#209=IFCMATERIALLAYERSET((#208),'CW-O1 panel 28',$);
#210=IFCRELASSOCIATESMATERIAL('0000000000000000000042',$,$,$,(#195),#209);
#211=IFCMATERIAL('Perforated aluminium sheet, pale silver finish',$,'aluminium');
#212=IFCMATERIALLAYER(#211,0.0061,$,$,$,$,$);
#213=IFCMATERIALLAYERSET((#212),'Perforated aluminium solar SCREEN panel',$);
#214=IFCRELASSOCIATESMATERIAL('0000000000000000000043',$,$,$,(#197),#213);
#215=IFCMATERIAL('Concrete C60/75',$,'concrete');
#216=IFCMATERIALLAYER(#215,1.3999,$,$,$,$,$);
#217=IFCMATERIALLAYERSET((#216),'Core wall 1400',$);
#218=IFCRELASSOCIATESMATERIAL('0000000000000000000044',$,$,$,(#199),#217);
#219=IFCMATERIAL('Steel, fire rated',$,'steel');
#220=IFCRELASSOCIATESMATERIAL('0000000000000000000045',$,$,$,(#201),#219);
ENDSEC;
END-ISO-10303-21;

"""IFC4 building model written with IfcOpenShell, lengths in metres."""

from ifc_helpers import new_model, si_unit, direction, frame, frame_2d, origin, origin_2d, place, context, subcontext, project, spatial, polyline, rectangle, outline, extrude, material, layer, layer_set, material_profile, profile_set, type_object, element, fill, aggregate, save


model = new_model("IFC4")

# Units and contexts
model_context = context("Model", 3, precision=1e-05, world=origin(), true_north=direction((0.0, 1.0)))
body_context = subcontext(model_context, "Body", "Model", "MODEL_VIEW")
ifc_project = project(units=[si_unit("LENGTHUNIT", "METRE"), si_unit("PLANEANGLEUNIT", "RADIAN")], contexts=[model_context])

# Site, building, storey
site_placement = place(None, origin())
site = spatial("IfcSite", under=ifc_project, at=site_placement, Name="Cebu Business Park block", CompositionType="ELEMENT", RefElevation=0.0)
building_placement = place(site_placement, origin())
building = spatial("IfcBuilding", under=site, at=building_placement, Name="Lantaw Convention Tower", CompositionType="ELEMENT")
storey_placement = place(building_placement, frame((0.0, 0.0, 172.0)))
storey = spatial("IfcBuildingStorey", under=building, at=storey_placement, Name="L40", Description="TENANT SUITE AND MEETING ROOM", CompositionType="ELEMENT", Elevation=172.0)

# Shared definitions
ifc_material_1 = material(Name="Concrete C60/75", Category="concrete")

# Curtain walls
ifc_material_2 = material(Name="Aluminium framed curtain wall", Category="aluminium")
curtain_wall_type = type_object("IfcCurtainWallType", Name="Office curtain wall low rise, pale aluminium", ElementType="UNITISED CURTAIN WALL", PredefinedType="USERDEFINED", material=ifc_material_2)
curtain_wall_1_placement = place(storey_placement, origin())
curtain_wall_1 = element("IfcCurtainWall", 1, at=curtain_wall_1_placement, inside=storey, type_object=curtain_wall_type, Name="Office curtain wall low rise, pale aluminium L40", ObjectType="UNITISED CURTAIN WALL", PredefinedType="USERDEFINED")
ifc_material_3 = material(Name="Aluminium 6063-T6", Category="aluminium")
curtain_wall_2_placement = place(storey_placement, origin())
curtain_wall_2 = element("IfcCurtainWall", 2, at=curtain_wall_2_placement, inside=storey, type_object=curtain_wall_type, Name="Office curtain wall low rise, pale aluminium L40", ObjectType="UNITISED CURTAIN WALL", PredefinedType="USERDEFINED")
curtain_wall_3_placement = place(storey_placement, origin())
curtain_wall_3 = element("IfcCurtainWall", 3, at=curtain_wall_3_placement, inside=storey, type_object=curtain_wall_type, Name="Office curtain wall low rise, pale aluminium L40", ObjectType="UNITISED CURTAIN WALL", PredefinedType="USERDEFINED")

**What the task asks:** Your reply should be one number, the count of lines in the data that include the word "Category".

**Task response:** 3